#### PROBLEM STATEMENT
Which of the lines in the records below hold the string "IFCRELAGGREGATES"? Copy every one of them.

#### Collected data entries

·····

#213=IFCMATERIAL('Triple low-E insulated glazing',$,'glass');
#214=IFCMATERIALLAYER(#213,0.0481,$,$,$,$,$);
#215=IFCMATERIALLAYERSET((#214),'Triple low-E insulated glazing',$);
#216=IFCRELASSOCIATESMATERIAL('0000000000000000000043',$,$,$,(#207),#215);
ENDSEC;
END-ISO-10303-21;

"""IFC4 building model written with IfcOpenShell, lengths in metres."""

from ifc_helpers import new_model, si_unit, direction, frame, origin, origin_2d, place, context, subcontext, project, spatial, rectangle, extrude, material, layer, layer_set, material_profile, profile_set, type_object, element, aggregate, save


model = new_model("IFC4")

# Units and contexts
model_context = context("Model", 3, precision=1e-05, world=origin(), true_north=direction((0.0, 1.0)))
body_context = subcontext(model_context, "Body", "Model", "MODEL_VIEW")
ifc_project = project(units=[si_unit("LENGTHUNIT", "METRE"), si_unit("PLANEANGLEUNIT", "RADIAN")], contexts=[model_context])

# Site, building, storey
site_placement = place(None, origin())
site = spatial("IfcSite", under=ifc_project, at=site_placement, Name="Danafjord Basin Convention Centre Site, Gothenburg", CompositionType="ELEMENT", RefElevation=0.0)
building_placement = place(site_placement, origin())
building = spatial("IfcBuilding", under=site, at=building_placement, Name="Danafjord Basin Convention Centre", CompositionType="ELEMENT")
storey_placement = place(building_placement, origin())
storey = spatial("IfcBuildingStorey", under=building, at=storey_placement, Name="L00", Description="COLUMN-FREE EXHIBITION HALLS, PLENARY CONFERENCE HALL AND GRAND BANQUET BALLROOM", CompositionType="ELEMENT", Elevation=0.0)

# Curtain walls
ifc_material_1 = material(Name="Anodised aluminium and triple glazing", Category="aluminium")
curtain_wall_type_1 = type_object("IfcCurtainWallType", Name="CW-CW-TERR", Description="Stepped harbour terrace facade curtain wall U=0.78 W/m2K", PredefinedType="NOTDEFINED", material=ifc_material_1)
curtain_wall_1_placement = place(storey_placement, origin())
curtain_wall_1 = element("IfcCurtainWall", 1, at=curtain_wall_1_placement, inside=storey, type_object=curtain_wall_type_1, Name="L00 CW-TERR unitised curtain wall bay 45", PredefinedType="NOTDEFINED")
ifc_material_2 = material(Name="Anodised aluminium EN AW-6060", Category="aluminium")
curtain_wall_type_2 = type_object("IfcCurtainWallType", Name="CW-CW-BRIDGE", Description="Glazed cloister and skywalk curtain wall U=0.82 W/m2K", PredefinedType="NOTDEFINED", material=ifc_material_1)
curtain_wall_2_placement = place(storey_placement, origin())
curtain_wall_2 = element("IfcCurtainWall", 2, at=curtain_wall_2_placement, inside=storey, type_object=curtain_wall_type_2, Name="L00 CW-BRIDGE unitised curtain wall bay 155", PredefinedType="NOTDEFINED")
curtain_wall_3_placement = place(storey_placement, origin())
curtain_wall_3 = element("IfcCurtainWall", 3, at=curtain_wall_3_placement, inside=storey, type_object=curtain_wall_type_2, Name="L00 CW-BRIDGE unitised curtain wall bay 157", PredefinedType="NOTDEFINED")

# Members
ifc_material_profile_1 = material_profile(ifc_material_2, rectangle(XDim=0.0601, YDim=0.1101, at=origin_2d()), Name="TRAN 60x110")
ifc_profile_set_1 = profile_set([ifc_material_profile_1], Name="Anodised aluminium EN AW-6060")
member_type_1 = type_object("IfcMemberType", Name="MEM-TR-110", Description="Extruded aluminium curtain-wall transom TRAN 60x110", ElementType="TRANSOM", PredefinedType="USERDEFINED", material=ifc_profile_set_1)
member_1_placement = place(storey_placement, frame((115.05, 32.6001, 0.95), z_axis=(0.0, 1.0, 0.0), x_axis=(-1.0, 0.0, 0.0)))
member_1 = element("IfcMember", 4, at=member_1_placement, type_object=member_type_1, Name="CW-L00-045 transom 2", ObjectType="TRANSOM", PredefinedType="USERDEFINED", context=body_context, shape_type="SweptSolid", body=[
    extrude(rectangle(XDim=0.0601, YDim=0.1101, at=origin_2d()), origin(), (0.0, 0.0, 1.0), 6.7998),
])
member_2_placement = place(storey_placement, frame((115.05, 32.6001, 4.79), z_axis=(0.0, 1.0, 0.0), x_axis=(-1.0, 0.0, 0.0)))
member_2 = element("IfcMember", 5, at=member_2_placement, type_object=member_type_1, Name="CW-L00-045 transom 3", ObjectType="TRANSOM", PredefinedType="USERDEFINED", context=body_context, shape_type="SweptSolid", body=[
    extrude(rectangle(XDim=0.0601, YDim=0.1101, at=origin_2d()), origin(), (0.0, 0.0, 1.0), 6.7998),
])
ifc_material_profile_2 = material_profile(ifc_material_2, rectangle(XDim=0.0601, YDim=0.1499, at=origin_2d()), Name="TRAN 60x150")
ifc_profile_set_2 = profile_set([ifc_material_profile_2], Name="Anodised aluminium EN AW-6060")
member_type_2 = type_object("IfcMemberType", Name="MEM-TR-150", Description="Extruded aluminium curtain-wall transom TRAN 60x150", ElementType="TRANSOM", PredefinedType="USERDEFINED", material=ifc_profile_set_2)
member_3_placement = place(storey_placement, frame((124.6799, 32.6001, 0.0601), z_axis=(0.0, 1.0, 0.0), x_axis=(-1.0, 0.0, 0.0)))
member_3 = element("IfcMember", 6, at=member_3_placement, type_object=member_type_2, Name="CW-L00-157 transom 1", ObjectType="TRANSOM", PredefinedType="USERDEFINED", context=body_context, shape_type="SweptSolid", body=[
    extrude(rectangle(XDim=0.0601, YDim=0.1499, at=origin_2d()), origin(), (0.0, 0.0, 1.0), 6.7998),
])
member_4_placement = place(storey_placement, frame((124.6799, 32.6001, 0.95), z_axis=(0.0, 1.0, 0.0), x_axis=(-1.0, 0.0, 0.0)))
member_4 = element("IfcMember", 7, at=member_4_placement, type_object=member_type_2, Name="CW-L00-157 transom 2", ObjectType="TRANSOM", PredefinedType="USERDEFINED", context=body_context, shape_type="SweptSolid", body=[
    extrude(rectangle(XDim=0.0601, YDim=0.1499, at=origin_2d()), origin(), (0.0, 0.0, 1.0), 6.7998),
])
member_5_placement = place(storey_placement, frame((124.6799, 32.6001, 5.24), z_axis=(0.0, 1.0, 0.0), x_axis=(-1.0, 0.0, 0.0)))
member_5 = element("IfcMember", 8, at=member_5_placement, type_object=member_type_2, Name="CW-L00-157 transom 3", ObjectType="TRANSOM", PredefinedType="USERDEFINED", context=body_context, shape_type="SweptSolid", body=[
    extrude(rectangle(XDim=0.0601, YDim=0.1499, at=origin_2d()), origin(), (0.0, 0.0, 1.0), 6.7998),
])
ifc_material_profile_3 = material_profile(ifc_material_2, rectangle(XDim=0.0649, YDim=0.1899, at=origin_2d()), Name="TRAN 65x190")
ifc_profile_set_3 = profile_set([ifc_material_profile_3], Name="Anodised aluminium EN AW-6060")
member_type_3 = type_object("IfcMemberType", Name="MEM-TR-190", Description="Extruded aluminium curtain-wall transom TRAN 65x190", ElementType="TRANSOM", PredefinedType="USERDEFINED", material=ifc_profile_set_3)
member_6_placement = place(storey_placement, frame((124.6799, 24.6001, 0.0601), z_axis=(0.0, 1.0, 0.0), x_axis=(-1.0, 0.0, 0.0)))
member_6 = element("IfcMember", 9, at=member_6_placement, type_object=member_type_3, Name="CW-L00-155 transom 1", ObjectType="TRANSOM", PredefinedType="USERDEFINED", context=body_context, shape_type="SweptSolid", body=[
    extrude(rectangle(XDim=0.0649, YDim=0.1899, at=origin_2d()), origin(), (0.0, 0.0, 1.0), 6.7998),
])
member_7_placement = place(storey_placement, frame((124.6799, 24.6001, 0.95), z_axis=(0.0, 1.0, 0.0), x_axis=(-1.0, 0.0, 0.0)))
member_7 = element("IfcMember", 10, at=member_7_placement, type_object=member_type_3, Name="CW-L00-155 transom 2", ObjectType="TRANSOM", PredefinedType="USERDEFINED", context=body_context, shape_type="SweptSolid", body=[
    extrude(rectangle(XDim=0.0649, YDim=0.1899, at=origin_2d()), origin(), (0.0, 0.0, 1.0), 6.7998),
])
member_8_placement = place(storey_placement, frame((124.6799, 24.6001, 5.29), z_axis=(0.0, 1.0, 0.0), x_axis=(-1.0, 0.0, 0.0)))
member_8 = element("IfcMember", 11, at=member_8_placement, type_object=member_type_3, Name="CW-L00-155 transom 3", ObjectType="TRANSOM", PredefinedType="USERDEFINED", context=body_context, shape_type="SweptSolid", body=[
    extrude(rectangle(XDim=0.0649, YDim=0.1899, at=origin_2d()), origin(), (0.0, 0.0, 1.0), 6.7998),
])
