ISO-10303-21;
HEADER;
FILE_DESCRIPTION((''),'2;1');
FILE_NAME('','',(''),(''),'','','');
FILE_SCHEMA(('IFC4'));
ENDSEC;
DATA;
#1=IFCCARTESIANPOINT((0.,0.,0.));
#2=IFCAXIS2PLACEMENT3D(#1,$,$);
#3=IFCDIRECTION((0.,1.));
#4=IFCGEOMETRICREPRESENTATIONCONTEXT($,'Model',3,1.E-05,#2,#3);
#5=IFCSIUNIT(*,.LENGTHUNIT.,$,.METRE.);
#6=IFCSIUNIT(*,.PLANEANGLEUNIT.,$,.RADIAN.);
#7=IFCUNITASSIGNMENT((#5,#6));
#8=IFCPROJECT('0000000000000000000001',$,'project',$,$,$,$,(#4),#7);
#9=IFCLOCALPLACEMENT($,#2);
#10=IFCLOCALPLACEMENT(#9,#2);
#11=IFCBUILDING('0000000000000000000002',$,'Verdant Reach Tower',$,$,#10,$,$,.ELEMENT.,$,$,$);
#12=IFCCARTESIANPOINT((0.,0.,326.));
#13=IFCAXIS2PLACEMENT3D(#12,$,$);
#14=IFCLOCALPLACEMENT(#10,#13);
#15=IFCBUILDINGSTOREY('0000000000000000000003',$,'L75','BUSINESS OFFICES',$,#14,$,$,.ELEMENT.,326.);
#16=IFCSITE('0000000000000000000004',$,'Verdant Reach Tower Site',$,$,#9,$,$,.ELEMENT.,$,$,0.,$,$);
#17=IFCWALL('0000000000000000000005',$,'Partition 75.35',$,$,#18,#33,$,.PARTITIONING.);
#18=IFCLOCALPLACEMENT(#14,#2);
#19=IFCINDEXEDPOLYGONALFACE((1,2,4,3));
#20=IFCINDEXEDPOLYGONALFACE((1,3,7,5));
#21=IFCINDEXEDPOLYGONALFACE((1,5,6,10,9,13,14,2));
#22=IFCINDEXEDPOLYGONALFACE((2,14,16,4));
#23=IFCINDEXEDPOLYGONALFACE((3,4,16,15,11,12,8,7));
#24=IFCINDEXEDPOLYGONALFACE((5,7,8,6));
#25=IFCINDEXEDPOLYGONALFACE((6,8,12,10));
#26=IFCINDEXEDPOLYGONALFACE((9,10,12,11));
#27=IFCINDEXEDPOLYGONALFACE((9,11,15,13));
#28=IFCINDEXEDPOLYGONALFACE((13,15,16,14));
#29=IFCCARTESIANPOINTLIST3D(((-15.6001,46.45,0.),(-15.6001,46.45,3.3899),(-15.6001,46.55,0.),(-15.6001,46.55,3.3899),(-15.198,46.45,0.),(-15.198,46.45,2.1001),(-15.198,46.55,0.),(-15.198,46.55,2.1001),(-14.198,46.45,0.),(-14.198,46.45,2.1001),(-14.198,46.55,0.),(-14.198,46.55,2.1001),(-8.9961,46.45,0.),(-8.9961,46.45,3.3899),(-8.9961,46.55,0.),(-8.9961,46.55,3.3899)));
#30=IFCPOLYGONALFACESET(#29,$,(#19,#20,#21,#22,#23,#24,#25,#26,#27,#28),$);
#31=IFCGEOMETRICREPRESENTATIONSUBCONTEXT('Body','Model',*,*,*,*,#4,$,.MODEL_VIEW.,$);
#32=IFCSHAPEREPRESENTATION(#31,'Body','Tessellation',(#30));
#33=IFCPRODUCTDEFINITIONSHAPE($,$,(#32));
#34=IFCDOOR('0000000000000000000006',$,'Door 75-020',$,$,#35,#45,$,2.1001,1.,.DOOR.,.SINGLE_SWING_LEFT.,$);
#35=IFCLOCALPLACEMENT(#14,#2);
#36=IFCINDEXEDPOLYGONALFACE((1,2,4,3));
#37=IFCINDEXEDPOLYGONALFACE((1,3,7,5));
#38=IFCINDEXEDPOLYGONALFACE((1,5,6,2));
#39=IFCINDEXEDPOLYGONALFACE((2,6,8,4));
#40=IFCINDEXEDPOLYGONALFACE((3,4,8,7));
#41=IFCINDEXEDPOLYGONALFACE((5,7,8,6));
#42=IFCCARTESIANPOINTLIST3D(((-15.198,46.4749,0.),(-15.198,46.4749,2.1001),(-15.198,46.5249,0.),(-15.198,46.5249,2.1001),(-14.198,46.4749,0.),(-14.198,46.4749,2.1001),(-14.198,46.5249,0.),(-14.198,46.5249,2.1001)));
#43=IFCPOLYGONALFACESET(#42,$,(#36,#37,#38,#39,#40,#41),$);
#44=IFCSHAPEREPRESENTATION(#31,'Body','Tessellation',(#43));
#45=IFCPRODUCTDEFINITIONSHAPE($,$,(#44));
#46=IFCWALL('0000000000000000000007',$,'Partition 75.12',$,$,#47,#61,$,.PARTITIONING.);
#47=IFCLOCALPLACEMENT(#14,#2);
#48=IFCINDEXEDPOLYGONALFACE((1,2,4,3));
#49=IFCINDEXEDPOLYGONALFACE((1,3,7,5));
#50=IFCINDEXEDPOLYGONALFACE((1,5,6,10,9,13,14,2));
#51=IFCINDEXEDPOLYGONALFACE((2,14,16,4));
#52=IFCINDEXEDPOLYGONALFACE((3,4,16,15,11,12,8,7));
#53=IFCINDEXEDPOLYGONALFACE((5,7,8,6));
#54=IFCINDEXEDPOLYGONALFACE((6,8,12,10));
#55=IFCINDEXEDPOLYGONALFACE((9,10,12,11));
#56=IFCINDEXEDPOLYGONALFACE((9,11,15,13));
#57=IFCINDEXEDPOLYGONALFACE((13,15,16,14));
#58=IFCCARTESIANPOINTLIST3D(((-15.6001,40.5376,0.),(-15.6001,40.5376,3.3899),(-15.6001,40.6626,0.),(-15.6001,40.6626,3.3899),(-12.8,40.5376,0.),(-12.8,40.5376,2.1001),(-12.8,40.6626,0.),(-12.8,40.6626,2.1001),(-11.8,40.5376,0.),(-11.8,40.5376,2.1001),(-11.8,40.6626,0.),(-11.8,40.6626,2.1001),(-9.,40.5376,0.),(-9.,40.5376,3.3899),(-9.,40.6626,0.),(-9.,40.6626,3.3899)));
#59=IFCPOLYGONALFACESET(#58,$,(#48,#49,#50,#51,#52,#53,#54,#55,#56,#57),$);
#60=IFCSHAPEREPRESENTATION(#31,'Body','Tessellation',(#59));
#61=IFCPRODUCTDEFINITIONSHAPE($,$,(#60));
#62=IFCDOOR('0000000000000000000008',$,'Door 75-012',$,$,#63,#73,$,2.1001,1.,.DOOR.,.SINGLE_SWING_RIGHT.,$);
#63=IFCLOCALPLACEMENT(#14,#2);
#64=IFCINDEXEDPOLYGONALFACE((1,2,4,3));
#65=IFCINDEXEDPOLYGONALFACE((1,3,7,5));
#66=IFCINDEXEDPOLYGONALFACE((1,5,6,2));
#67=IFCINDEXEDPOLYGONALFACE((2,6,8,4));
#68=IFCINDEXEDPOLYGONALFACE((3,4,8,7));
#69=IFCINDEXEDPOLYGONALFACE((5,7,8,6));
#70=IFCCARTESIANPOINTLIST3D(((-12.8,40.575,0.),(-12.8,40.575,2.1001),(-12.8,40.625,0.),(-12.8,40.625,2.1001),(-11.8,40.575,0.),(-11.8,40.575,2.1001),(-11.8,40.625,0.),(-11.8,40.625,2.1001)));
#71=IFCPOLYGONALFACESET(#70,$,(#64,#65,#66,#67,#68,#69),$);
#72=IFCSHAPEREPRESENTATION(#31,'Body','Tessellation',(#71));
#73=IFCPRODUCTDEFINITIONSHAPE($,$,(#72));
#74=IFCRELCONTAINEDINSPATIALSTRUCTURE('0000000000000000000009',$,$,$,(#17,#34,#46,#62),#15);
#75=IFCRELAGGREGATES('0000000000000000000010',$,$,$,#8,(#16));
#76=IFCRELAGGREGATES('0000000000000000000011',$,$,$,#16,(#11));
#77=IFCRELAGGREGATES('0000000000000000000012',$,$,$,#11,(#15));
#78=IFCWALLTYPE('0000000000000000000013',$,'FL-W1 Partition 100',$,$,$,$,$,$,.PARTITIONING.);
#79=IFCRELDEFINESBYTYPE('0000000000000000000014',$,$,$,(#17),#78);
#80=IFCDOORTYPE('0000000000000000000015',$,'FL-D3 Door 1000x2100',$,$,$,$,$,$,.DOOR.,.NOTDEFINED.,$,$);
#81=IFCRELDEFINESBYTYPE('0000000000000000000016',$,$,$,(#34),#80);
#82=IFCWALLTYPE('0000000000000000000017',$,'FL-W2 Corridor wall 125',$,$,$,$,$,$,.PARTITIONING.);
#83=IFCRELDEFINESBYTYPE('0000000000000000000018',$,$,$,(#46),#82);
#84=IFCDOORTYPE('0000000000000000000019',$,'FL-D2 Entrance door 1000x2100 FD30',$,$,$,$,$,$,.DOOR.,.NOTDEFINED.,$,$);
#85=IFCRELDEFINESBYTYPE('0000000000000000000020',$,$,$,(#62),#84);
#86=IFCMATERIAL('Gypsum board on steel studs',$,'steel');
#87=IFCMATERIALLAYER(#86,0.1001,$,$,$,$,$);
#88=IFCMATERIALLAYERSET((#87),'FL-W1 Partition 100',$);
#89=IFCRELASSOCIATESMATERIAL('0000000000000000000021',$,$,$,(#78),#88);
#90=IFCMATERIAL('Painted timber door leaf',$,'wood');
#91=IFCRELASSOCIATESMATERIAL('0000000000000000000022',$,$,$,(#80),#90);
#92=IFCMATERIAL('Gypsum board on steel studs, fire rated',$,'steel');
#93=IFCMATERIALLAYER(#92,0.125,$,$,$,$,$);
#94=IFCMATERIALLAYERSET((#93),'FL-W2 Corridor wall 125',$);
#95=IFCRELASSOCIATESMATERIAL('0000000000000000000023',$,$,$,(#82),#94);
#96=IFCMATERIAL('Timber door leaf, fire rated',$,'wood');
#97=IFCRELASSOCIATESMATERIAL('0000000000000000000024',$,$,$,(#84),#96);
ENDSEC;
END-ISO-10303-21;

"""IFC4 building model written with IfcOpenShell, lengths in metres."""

from ifc_helpers import new_model, si_unit, direction, frame, frame_2d, origin, place, context, subcontext, project, spatial, rectangle, extrude, material, layer, layer_set, type_object, element, fill, save


model = new_model("IFC4")

# Units and contexts
model_context = context("Model", 3, precision=1e-05, world=origin(), true_north=direction((0.0, 1.0)))
body_context = subcontext(model_context, "Body", "Model", "MODEL_VIEW")
ifc_project = project(units=[si_unit("LENGTHUNIT", "METRE"), si_unit("PLANEANGLEUNIT", "RADIAN")], contexts=[model_context])

# Site, building, storey
site_placement = place(None, origin())
site = spatial("IfcSite", under=ifc_project, at=site_placement, Name="Verdant Reach Tower Site", CompositionType="ELEMENT", RefElevation=0.0)
building_placement = place(site_placement, origin())
building = spatial("IfcBuilding", under=site, at=building_placement, Name="Verdant Reach Tower", CompositionType="ELEMENT")
storey_placement = place(building_placement, frame((0.0, 0.0, 326.0)))
storey = spatial("IfcBuildingStorey", under=building, at=storey_placement, Name="L75", Description="BUSINESS OFFICES", CompositionType="ELEMENT", Elevation=326.0)

# Shared definitions
ifc_material_1 = material(Name="Gypsum board on steel studs", Category="steel")
ifc_layer_1 = layer(ifc_material_1, 0.1001)
ifc_layer_set_1 = layer_set([ifc_layer_1], Name="FL-W1 Partition 100")
wall_type_1 = type_object("IfcWallType", Name="FL-W1 Partition 100", PredefinedType="PARTITIONING", material=ifc_layer_set_1)

# Walls, openings, doors
wall_1_placement = place(storey_placement, frame((-15.6001, 46.5, 0.0), z_axis=(0.0, 0.0, 1.0), x_axis=(1.0, 0.0, 0.0)))
wall_1 = element("IfcWall", 1, at=wall_1_placement, inside=storey, type_object=wall_type_1, Name="Partition 75.35", PredefinedType="PARTITIONING", context=body_context, shape_type="SweptSolid", body=[
    extrude(rectangle(XDim=6.604, YDim=0.1001, at=frame_2d((3.302, 0.0))), origin(), (0.0, 0.0, 1.0), 3.3899),
])
opening_1_placement = place(wall_1_placement, frame((0.4021, 0.0, 0.0)))
opening_1 = element("IfcOpeningElement", 2, at=opening_1_placement, cuts=wall_1, PredefinedType="OPENING", context=body_context, shape_type="SweptSolid", body=[
    extrude(rectangle(XDim=1.0, YDim=2.1001, at=frame_2d((0.5, 1.05))), frame((0.0, 0.0601, 0.0), z_axis=(0.0, -1.0, 0.0), x_axis=(1.0, 0.0, 0.0)), (0.0, 0.0, 1.0), 0.1201),
])
ifc_material_2 = material(Name="Painted timber door leaf", Category="wood")
door_type_1 = type_object("IfcDoorType", Name="FL-D3 Door 1000x2100", OperationType="NOTDEFINED", PredefinedType="DOOR", material=ifc_material_2)
door_1_placement = place(opening_1_placement, origin())
door_1 = element("IfcDoor", 3, at=door_1_placement, inside=storey, type_object=door_type_1, Name="Door 75-020", OperationType="SINGLE_SWING_LEFT", OverallHeight=2.1001, OverallWidth=1.0, PredefinedType="DOOR", context=body_context, shape_type="SweptSolid", body=[
    extrude(rectangle(XDim=1.0, YDim=2.1001, at=frame_2d((0.5, 1.05))), frame((0.0, 0.0249, 0.0), z_axis=(0.0, -1.0, 0.0), x_axis=(1.0, 0.0, 0.0)), (0.0, 0.0, 1.0), 0.05),
])
fill(opening_1, door_1)
ifc_material_3 = material(Name="Gypsum board on steel studs, fire rated", Category="steel")
ifc_layer_2 = layer(ifc_material_3, 0.125)
ifc_layer_set_2 = layer_set([ifc_layer_2], Name="FL-W2 Corridor wall 125")
wall_type_2 = type_object("IfcWallType", Name="FL-W2 Corridor wall 125", PredefinedType="PARTITIONING", material=ifc_layer_set_2)
wall_2_placement = place(storey_placement, frame((-15.6001, 40.6001, 0.0), z_axis=(0.0, 0.0, 1.0), x_axis=(1.0, 0.0, 0.0)))
wall_2 = element("IfcWall", 4, at=wall_2_placement, inside=storey, type_object=wall_type_2, Name="Partition 75.12", PredefinedType="PARTITIONING", context=body_context, shape_type="SweptSolid", body=[
    extrude(rectangle(XDim=6.6001, YDim=0.125, at=frame_2d((3.3, 0.0))), origin(), (0.0, 0.0, 1.0), 3.3899),
])
opening_2_placement = place(wall_2_placement, frame((2.8, 0.0, 0.0)))
opening_2 = element("IfcOpeningElement", 5, at=opening_2_placement, cuts=wall_2, PredefinedType="OPENING", context=body_context, shape_type="SweptSolid", body=[
    extrude(rectangle(XDim=1.0, YDim=2.1001, at=frame_2d((0.5, 1.05))), frame((0.0, 0.0725, 0.0), z_axis=(0.0, -1.0, 0.0), x_axis=(1.0, 0.0, 0.0)), (0.0, 0.0, 1.0), 0.145),
])
ifc_material_4 = material(Name="Timber door leaf, fire rated", Category="wood")
door_type_2 = type_object("IfcDoorType", Name="FL-D2 Entrance door 1000x2100 FD30", OperationType="NOTDEFINED", PredefinedType="DOOR", material=ifc_material_4)
door_2_placement = place(opening_2_placement, origin())
door_2 = element("IfcDoor", 6, at=door_2_placement, inside=storey, type_object=door_type_2, Name="Door 75-012", OperationType="SINGLE_SWING_RIGHT", OverallHeight=2.1001, OverallWidth=1.0, PredefinedType="DOOR", context=body_context, shape_type="SweptSolid", body=[
    extrude(rectangle(XDim=1.0, YDim=2.1001, at=frame_2d((0.5, 1.05))), frame((0.0, 0.0249, 0.0), z_axis=(0.0, -1.0, 0.0), x_axis=(1.0, 0.0, 0.0)), (0.0, 0.0, 1.0), 0.05),
])
fill(opening_2, door_2)

save(model, "model.ifc")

·····

#### SOLUTION BELOW
#75=IFCRELAGGREGATES('0000000000000000000010',$,$,$,#8,(#16));
#76=IFCRELAGGREGATES('0000000000000000000011',$,$,$,#16,(#11));
#77=IFCRELAGGREGATES('0000000000000000000012',$,$,$,#11,(#15));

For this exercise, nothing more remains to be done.